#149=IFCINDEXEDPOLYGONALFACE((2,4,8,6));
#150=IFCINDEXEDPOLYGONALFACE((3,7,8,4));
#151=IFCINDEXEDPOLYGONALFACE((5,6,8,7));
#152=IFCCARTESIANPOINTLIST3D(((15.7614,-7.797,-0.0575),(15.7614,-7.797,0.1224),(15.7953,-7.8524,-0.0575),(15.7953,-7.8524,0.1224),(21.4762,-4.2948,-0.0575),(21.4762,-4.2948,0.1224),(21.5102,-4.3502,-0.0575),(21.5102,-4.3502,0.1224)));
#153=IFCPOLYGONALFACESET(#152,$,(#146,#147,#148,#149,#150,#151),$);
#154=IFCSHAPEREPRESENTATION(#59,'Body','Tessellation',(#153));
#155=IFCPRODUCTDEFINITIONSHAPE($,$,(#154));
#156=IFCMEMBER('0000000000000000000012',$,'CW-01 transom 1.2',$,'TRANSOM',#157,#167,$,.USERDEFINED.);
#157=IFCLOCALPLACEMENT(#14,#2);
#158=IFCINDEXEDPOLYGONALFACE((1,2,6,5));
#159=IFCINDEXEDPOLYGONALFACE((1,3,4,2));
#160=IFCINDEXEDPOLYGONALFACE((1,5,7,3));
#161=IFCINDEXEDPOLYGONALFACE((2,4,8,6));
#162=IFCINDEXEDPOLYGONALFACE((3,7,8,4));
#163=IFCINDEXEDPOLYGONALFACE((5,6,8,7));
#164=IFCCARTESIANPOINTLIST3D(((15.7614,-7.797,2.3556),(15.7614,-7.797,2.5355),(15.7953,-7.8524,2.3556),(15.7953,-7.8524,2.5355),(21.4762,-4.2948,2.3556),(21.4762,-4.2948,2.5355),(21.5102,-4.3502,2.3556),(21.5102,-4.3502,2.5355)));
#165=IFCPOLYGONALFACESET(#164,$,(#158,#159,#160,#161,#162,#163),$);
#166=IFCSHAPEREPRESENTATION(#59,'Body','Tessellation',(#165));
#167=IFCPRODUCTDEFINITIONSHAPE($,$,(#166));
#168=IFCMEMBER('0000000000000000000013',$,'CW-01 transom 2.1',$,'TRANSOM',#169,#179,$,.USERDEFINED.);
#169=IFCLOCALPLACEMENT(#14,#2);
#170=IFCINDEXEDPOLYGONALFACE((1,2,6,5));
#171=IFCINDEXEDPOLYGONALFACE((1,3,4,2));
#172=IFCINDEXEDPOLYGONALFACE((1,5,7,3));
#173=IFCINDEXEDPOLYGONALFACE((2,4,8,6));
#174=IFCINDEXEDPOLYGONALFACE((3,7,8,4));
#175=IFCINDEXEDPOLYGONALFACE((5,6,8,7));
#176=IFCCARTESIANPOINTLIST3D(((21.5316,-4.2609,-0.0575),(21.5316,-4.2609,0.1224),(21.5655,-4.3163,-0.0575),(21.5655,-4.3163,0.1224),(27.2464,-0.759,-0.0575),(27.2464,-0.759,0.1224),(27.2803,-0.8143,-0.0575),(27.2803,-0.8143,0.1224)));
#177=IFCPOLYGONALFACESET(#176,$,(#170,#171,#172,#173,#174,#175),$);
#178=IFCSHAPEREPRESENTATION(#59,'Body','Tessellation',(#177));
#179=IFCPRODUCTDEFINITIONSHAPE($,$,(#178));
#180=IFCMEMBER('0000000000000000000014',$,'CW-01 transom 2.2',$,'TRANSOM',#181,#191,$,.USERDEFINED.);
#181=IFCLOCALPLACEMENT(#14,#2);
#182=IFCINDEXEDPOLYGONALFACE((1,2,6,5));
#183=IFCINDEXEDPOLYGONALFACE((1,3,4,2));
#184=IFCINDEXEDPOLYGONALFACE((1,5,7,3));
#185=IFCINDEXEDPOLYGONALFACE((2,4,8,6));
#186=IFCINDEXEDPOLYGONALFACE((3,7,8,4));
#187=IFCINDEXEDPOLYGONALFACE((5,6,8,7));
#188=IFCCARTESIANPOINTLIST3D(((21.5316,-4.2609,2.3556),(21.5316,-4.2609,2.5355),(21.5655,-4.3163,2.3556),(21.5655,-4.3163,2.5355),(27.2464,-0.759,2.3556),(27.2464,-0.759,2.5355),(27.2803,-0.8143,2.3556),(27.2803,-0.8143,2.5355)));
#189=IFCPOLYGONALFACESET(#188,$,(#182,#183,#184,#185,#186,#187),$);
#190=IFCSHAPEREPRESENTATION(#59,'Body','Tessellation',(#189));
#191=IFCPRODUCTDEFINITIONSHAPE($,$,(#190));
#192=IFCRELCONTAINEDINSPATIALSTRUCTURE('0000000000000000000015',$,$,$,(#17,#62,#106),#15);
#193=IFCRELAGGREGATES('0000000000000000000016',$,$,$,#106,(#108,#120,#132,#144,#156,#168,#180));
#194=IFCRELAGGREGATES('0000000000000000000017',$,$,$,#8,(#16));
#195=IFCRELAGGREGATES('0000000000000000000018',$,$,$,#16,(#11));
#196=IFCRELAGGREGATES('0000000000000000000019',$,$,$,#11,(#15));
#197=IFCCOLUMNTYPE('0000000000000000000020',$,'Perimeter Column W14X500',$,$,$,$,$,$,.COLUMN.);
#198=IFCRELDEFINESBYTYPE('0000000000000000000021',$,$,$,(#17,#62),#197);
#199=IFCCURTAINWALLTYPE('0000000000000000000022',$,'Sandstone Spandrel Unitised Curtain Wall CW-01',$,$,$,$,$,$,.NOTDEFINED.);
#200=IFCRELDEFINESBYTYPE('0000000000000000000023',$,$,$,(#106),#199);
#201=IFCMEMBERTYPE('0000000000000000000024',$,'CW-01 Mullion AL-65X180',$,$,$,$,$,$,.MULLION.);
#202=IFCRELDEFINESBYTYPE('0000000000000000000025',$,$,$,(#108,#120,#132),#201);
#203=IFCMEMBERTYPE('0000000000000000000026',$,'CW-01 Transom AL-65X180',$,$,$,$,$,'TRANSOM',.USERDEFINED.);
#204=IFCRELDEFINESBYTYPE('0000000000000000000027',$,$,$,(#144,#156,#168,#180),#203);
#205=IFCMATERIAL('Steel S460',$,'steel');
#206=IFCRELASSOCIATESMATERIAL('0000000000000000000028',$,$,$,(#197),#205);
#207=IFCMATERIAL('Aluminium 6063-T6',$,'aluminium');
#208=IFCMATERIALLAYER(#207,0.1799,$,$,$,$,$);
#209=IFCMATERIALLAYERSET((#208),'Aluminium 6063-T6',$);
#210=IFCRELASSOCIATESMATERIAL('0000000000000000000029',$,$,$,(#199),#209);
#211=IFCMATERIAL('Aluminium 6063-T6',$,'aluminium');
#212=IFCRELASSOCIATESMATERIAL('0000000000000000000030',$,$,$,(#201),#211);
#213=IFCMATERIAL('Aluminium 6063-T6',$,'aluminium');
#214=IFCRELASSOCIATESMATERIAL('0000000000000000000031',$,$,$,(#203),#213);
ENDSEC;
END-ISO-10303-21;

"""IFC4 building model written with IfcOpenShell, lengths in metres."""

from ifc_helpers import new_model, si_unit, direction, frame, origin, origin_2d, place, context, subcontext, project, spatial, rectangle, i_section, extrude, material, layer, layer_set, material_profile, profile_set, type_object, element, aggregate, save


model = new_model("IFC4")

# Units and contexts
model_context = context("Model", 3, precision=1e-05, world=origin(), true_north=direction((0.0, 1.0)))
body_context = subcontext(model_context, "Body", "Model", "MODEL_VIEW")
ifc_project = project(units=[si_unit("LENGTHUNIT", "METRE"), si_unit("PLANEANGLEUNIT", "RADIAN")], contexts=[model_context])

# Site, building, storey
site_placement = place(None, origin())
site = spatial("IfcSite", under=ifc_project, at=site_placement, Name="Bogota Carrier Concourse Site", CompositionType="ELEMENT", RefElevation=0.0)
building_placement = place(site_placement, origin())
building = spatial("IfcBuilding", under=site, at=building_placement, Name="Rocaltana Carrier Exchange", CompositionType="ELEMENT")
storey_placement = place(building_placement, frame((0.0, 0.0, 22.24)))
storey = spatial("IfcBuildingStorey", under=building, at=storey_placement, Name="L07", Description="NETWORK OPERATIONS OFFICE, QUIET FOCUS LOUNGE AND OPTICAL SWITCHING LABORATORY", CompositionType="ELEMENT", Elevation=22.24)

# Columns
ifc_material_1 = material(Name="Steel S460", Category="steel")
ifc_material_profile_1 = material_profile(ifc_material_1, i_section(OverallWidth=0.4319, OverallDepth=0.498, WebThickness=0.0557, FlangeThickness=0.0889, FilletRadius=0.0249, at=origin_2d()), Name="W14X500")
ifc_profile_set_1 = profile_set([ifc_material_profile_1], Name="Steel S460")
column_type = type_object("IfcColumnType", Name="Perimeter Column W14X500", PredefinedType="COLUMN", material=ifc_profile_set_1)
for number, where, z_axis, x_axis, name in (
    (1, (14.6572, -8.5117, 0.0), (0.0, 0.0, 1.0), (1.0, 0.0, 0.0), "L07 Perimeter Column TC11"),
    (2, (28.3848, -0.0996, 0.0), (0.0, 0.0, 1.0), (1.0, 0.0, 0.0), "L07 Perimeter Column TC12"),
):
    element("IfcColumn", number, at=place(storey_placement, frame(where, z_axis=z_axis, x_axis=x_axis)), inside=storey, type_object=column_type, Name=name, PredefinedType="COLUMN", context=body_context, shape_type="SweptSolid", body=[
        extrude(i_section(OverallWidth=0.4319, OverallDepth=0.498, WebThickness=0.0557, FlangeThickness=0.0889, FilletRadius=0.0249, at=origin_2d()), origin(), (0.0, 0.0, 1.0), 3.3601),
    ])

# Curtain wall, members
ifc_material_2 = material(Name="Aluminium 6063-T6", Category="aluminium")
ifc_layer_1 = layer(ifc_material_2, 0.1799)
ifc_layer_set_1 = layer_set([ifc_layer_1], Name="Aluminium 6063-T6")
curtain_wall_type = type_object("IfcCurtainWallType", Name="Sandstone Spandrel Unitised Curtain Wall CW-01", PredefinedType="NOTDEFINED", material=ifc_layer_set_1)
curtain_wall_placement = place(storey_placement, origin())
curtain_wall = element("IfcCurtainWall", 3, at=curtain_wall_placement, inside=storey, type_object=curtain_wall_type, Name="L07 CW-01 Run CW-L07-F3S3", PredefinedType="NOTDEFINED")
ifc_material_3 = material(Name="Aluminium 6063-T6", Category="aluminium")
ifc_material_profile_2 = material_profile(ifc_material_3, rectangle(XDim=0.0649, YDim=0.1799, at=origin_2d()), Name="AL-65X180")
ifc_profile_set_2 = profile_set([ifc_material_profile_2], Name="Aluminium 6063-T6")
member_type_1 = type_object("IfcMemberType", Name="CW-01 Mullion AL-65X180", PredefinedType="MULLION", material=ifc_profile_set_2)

——

> [WHAT TO WORK ON]:
Reproduce verbatim the lines above, from the line with "#174=IFCINDEXEDPOLYGONALFACE((3,7,8,4));" through the line with "#182=IFCINDEXEDPOLYGONALFACE((1,2,6,5));".

> [RESPONSE TO THIS EXERCISE]:
#174=IFCINDEXEDPOLYGONALFACE((3,7,8,4));
#175=IFCINDEXEDPOLYGONALFACE((5,6,8,7));
#176=IFCCARTESIANPOINTLIST3D(((21.5316,-4.2609,-0.0575),(21.5316,-4.2609,0.1224),(21.5655,-4.3163,-0.0575),(21.5655,-4.3163,0.1224),(27.2464,-0.759,-0.0575),(27.2464,-0.759,0.1224),(27.2803,-0.8143,-0.0575),(27.2803,-0.8143,0.1224)));
#177=IFCPOLYGONALFACESET(#176,$,(#170,#171,#172,#173,#174,#175),$);
#178=IFCSHAPEREPRESENTATION(#59,'Body','Tessellation',(#177));
#179=IFCPRODUCTDEFINITIONSHAPE($,$,(#178));
#180=IFCMEMBER('0000000000000000000014',$,'CW-01 transom 2.2',$,'TRANSOM',#181,#191,$,.USERDEFINED.);
#181=IFCLOCALPLACEMENT(#14,#2);
#182=IFCINDEXEDPOLYGONALFACE((1,2,6,5));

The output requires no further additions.